====== Provided data ======

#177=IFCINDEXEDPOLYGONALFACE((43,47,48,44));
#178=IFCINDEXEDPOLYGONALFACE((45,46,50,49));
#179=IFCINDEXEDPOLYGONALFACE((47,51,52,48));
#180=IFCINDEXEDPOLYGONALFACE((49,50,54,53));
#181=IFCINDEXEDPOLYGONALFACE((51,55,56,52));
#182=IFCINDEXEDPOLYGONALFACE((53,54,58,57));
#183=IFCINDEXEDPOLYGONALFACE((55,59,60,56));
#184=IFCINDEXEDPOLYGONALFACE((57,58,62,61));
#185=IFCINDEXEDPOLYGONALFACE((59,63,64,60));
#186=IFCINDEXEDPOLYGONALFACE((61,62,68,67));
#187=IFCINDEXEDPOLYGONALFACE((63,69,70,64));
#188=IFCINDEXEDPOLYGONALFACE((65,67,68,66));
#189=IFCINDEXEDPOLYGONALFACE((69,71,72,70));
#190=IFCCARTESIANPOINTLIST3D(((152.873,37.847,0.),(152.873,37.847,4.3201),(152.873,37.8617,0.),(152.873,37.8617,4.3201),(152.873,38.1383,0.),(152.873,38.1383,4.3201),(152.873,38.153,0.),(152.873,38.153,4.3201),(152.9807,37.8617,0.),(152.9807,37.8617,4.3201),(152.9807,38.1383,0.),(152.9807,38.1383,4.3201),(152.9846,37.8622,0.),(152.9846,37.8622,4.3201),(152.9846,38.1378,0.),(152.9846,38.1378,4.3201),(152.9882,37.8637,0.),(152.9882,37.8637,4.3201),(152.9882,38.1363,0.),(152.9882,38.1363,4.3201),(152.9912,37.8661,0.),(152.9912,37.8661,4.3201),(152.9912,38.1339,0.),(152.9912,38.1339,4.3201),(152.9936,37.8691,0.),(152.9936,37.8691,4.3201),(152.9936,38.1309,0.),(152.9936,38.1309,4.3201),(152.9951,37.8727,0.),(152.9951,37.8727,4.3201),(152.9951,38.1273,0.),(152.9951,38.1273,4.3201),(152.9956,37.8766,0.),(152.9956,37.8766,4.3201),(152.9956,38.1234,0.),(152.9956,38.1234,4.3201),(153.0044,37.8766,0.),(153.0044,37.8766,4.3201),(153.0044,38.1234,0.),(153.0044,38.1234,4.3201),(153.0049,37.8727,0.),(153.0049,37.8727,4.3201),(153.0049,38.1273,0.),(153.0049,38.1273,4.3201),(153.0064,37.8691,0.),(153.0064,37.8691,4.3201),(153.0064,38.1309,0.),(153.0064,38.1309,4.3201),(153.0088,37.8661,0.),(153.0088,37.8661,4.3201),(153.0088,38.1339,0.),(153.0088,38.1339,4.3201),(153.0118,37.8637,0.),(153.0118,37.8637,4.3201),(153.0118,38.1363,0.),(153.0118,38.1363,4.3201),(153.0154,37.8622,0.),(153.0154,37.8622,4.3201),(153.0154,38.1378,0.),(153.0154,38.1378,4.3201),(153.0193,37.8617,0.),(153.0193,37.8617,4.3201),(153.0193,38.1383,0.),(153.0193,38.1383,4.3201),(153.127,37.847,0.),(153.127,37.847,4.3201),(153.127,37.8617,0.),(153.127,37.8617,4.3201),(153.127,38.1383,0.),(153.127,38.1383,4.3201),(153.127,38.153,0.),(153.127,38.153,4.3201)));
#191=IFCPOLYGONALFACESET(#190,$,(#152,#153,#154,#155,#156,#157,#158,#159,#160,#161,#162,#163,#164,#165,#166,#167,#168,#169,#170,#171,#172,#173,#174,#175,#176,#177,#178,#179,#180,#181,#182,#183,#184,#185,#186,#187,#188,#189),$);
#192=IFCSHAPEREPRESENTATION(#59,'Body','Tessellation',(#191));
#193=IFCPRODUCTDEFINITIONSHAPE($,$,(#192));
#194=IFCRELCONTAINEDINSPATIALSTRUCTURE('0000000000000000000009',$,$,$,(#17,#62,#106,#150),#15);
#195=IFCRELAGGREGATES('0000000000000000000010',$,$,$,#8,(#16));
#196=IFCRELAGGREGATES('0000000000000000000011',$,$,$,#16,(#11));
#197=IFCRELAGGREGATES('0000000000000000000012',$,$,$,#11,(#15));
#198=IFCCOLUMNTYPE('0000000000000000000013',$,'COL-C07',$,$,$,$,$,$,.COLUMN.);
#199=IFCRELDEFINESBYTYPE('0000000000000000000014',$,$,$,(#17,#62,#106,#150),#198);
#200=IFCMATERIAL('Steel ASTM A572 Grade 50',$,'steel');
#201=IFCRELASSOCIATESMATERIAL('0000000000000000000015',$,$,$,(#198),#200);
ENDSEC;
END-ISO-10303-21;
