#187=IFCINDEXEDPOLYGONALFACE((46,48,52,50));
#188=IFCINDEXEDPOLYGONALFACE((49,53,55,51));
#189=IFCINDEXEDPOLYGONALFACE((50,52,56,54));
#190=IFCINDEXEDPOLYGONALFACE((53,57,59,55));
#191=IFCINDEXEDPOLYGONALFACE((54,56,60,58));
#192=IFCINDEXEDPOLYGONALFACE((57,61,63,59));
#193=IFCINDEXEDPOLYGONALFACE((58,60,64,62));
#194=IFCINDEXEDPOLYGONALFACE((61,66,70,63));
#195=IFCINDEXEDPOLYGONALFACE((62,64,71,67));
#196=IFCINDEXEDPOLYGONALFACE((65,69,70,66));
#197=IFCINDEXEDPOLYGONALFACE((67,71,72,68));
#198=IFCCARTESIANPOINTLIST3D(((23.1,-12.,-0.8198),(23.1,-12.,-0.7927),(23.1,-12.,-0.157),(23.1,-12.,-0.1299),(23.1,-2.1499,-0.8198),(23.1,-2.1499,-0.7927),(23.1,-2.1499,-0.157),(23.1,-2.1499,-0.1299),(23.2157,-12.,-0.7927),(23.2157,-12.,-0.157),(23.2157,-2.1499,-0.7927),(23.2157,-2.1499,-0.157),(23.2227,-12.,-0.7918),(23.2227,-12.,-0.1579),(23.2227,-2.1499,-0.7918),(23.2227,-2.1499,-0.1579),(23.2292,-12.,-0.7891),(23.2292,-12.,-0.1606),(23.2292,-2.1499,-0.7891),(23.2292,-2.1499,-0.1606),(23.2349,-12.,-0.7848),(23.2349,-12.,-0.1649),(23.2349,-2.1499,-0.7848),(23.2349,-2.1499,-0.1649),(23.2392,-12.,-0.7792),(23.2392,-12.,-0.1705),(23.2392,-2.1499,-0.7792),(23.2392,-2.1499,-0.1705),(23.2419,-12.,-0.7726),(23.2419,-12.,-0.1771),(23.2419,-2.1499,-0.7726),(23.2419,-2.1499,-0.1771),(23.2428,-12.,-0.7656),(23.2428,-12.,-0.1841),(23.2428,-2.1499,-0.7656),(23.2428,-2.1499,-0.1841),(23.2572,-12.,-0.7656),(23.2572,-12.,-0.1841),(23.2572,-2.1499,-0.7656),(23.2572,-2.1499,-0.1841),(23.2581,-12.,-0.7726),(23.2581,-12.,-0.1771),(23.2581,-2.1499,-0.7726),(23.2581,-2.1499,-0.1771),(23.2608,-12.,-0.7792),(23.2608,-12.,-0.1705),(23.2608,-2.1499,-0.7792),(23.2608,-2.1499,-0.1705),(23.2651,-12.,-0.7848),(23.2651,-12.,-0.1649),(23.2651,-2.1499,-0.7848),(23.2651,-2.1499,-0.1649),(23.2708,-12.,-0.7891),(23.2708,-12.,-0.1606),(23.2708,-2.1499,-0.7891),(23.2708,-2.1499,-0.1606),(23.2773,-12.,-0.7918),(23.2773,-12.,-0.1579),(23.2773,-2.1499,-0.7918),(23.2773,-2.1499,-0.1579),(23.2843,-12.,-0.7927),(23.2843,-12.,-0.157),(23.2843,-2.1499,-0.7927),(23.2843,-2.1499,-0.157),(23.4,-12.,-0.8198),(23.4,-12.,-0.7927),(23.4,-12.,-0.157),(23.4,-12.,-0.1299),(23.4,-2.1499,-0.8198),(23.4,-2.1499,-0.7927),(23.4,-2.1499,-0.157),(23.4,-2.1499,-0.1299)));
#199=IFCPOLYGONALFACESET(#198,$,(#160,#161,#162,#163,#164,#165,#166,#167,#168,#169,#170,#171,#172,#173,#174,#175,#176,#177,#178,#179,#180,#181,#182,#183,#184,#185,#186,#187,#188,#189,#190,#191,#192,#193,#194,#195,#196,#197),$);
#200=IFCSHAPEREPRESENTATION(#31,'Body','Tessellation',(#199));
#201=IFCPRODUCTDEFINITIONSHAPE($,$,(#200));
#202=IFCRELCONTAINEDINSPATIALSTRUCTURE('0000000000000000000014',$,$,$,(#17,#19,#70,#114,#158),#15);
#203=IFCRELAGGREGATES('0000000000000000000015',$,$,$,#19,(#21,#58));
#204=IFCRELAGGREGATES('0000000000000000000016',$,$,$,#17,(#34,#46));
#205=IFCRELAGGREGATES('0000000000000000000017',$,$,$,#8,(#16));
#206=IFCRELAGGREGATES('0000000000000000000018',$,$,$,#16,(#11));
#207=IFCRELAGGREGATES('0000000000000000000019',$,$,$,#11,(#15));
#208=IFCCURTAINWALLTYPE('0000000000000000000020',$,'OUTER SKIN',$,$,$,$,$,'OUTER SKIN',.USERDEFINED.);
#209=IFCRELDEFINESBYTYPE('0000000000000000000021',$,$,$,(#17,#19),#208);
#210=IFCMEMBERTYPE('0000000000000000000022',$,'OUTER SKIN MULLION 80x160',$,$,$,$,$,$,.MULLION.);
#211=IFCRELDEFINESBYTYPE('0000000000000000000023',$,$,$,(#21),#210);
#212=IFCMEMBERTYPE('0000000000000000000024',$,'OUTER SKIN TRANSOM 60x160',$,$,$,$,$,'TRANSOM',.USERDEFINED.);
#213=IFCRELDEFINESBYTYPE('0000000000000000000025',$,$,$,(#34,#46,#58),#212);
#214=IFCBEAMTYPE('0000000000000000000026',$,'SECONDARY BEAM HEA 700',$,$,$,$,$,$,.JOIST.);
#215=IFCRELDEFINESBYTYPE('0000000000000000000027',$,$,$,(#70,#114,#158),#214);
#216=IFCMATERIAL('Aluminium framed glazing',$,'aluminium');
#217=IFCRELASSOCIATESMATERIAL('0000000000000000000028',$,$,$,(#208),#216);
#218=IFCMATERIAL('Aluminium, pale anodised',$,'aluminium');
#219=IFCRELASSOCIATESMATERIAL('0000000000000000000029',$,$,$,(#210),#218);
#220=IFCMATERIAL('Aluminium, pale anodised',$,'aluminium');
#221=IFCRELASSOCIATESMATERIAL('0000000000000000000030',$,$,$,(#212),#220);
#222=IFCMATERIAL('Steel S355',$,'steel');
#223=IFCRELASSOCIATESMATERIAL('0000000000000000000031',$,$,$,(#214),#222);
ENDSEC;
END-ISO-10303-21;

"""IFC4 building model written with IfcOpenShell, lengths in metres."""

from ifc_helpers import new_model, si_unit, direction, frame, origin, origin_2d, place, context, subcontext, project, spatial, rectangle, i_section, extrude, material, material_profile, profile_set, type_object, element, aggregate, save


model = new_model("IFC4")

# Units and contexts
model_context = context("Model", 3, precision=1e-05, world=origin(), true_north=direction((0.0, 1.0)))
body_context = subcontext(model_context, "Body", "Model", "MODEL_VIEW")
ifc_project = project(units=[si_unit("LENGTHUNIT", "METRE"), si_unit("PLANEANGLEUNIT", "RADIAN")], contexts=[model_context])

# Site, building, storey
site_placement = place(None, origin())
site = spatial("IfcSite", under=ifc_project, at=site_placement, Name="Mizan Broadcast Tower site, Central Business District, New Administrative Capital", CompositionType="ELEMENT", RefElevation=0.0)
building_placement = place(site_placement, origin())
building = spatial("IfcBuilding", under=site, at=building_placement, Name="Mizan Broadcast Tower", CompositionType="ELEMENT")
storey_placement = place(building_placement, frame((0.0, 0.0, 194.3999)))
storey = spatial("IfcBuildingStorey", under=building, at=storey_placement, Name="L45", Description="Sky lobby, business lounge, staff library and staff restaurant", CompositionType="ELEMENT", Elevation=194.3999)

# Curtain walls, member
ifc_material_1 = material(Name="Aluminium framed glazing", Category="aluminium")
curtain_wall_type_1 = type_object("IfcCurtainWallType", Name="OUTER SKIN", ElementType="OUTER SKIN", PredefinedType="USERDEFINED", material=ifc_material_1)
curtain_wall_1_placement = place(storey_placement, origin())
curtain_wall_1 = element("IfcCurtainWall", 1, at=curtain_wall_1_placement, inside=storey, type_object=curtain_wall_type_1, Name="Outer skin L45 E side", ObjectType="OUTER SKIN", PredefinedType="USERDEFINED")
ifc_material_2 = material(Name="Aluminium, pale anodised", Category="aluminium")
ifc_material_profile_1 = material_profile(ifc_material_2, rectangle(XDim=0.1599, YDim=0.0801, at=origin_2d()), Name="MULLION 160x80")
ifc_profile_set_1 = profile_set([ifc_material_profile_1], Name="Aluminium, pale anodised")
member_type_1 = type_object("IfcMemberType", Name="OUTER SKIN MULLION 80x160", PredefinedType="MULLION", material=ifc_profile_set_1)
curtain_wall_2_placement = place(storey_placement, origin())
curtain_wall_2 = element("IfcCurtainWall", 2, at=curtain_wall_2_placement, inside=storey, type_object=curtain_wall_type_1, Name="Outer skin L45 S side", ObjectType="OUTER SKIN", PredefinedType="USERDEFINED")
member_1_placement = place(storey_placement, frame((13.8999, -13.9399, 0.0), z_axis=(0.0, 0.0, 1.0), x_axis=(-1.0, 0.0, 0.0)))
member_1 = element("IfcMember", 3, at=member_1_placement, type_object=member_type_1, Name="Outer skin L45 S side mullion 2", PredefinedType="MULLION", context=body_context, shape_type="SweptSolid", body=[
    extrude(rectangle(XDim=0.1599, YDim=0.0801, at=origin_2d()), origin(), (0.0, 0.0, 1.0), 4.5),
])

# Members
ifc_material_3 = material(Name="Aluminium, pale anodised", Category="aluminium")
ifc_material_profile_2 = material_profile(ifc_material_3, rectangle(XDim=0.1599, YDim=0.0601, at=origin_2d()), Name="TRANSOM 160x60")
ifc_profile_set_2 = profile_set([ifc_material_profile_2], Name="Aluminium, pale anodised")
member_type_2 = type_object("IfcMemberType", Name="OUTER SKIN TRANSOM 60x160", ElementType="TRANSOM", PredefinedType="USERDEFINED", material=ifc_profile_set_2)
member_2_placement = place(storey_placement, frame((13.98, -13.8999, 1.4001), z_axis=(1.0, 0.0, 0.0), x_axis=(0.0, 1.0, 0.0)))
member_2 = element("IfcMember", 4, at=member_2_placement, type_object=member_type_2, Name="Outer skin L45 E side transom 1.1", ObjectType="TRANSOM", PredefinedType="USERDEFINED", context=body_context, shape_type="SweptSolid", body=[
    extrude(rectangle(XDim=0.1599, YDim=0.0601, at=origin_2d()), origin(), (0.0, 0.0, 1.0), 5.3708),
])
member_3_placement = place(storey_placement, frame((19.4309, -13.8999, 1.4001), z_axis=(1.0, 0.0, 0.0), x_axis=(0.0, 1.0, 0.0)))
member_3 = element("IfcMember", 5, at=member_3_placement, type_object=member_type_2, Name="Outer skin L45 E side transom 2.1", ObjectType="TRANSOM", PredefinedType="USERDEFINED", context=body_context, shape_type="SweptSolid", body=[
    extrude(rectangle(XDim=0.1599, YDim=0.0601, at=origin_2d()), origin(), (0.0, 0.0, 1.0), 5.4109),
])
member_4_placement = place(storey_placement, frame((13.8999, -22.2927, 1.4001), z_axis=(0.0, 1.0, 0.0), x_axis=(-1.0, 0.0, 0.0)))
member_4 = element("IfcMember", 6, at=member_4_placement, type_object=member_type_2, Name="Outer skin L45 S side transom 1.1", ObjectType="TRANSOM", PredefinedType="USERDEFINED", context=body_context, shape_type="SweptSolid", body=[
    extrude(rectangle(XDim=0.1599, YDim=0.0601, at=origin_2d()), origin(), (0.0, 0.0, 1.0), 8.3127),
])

======

Lines containing the word "IFCPRODUCTDEFINITIONSHAPE" must be found in the data above and copied.

#193=IFCPRODUCTDEFINITIONSHAPE($,$,(#192));
#201=IFCPRODUCTDEFINITIONSHAPE($,$,(#200));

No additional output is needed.